Please repeat the lines below, exactly and only, from the one that holds "#105=IFCINDEXEDPOLYGONALFACE((1,3,7,5));" through the one that holds "#109=IFCINDEXEDPOLYGONALFACE((5,7,8,6));".

──────── Stored data

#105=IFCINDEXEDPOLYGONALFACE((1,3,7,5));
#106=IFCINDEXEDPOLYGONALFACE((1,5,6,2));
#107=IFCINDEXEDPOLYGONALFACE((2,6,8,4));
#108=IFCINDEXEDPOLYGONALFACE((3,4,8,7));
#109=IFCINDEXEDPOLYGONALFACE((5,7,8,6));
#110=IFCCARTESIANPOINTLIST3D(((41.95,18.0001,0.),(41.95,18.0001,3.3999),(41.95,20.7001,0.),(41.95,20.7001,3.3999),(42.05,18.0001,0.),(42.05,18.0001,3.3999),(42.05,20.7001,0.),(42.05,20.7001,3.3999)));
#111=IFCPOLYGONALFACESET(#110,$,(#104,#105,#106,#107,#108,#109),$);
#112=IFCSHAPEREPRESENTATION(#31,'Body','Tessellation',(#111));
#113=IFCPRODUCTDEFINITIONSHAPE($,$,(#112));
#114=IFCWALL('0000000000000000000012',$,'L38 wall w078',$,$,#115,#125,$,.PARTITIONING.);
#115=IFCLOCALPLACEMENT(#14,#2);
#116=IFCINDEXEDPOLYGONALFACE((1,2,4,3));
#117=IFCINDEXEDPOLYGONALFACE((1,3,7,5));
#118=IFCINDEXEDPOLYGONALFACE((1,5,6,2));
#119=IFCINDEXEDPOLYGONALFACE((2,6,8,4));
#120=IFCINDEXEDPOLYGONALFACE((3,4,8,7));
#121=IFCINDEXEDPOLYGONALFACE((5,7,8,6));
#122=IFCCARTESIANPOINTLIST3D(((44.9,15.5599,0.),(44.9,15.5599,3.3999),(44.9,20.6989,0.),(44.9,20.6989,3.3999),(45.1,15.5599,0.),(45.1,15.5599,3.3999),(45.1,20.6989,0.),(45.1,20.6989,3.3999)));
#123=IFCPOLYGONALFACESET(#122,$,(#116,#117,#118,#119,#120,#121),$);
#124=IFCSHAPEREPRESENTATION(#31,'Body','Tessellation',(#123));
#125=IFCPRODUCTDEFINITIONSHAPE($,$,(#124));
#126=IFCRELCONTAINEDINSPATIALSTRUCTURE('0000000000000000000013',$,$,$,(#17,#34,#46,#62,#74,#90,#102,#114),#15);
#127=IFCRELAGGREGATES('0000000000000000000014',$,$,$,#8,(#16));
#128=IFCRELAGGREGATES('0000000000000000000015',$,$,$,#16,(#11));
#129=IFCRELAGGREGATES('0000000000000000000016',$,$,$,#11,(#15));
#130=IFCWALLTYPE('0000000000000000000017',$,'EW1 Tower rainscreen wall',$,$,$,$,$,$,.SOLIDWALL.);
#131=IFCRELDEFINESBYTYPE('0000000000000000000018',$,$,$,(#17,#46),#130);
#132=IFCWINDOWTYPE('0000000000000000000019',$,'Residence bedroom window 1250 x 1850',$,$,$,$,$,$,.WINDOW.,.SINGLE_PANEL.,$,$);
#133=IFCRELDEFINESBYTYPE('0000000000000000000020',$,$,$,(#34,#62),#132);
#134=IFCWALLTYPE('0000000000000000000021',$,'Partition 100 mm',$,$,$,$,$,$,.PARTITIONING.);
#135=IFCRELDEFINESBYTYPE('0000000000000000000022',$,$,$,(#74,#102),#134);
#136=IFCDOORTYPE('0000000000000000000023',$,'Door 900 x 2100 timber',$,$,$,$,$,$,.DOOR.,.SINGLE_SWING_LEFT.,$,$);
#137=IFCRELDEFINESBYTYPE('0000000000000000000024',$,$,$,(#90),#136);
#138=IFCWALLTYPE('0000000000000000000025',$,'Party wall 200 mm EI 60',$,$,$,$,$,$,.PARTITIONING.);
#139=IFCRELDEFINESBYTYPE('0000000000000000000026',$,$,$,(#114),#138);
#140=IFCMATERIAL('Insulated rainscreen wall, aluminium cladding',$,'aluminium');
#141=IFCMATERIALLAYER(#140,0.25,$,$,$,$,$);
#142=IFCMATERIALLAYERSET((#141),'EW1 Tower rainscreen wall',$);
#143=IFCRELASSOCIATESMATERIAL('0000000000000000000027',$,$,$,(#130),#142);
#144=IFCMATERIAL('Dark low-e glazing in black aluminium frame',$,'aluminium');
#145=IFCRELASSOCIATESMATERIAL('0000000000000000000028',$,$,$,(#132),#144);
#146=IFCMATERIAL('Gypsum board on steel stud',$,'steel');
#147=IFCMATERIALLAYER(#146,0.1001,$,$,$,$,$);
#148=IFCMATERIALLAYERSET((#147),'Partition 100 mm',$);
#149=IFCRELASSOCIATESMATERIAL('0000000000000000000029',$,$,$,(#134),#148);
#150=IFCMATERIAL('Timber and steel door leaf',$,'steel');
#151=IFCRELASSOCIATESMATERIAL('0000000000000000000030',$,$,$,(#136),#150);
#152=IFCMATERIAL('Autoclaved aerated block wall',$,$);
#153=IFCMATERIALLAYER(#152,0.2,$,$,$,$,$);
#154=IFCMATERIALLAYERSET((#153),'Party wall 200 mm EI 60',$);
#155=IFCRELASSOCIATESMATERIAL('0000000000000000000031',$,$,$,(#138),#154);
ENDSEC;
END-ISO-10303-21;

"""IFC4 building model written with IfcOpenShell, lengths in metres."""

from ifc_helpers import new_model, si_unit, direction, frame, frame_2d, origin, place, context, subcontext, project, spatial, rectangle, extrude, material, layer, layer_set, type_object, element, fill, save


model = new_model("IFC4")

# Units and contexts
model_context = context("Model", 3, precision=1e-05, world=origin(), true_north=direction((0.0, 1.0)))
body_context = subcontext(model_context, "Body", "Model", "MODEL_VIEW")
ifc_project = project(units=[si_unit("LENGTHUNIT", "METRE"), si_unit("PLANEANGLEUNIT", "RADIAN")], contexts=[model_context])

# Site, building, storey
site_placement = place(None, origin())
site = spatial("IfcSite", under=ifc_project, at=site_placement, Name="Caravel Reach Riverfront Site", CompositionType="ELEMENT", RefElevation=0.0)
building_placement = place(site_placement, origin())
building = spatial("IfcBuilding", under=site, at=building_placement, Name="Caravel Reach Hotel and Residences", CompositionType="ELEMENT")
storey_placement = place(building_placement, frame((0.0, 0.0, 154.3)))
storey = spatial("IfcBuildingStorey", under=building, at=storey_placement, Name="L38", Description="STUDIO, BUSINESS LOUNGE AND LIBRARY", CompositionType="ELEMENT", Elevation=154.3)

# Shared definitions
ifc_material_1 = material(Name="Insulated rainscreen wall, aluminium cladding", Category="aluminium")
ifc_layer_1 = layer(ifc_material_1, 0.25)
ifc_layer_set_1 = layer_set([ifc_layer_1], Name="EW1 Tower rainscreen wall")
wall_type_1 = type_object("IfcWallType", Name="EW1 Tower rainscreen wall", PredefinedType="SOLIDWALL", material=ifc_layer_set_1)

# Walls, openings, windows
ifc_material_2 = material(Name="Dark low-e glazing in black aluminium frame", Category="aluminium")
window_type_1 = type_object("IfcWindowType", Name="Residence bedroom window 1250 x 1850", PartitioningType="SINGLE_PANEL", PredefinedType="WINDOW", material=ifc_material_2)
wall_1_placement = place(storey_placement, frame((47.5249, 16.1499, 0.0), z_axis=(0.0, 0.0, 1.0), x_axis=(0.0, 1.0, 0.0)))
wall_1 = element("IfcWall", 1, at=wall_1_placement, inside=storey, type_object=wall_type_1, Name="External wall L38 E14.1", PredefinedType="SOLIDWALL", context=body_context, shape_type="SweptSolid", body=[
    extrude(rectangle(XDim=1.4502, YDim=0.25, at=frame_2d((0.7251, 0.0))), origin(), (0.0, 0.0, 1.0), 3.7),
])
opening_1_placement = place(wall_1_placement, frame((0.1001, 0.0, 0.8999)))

────────────────
──────── Stored data

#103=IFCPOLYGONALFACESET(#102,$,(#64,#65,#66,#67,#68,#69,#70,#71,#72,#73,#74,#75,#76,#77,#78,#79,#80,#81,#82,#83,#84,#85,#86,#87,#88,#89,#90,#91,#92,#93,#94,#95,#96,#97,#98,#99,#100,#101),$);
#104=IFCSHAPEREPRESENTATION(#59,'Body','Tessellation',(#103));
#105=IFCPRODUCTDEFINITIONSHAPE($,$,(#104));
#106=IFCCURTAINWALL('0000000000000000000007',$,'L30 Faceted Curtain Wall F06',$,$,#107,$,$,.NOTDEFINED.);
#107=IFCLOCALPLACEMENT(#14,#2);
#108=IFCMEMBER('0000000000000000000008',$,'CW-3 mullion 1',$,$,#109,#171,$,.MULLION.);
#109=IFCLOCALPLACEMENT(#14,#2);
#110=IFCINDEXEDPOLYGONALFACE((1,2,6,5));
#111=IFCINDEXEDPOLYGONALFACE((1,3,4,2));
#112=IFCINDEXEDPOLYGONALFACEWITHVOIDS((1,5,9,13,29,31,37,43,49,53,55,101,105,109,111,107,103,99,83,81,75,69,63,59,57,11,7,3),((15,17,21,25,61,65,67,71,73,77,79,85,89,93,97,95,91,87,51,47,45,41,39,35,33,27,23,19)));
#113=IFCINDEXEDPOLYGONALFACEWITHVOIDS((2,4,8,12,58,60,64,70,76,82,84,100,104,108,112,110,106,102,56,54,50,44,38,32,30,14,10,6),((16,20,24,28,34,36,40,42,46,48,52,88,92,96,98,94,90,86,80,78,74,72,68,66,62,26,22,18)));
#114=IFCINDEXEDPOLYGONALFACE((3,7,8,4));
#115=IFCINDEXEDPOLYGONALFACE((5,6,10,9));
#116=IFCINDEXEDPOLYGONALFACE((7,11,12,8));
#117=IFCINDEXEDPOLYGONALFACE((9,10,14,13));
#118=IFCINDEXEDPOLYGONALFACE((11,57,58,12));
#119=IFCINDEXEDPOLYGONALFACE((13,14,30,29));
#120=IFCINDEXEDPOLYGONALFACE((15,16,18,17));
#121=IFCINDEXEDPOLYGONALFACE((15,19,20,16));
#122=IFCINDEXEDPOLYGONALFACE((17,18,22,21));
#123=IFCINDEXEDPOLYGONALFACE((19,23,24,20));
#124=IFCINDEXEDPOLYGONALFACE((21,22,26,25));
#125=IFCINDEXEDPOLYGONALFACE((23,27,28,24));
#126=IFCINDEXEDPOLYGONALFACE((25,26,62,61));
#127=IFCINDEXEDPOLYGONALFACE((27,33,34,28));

────────────────

Task result -
#105=IFCINDEXEDPOLYGONALFACE((1,3,7,5));
#106=IFCINDEXEDPOLYGONALFACE((1,5,6,2));
#107=IFCINDEXEDPOLYGONALFACE((2,6,8,4));
#108=IFCINDEXEDPOLYGONALFACE((3,4,8,7));
#109=IFCINDEXEDPOLYGONALFACE((5,7,8,6));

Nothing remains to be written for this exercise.